== Goal of the exercise ==
Could you filter the records below and keep only the lines with the word "Triple"?
Extracted data Start Marker
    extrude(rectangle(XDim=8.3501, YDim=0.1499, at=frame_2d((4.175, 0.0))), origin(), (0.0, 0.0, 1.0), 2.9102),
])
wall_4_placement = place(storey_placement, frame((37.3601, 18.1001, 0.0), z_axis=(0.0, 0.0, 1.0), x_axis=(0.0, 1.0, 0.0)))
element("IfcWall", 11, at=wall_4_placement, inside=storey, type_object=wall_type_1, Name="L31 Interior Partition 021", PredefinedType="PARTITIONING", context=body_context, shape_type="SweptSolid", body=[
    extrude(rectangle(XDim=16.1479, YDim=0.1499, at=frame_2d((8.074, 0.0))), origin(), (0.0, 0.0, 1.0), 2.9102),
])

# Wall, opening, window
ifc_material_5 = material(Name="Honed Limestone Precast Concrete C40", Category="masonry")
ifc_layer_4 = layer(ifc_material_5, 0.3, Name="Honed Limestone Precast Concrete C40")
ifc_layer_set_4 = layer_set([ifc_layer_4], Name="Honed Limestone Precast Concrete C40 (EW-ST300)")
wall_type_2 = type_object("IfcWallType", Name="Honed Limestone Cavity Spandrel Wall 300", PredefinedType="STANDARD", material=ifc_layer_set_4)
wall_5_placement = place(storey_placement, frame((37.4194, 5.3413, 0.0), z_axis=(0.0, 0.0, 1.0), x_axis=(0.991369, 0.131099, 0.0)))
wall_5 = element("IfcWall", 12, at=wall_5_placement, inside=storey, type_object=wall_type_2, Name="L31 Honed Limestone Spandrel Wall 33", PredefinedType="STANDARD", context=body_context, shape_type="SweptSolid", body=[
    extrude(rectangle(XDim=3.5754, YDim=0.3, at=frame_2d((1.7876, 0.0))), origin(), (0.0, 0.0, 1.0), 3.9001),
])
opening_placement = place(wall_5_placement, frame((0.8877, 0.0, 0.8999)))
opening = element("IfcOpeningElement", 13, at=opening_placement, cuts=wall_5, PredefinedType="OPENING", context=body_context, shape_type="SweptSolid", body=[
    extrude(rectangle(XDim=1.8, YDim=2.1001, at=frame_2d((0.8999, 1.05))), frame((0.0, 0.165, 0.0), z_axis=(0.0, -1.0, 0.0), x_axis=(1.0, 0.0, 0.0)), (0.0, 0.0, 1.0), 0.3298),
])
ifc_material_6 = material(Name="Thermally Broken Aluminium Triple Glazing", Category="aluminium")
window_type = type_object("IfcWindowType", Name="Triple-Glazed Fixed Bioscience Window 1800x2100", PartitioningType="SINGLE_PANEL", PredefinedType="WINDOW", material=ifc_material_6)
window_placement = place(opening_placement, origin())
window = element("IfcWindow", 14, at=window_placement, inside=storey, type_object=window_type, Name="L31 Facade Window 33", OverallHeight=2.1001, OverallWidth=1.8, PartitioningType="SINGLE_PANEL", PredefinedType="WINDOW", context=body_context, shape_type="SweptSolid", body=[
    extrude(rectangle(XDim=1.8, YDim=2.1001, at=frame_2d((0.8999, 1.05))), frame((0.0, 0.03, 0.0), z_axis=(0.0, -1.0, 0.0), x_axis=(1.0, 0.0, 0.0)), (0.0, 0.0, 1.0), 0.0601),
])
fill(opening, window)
Extracted data End Marker
== Answer box ==
ifc_material_6 = material(Name="Thermally Broken Aluminium Triple Glazing", Category="aluminium")
window_type = type_object("IfcWindowType", Name="Triple-Glazed Fixed Bioscience Window 1800x2100", PartitioningType="SINGLE_PANEL", PredefinedType="WINDOW", material=ifc_material_6)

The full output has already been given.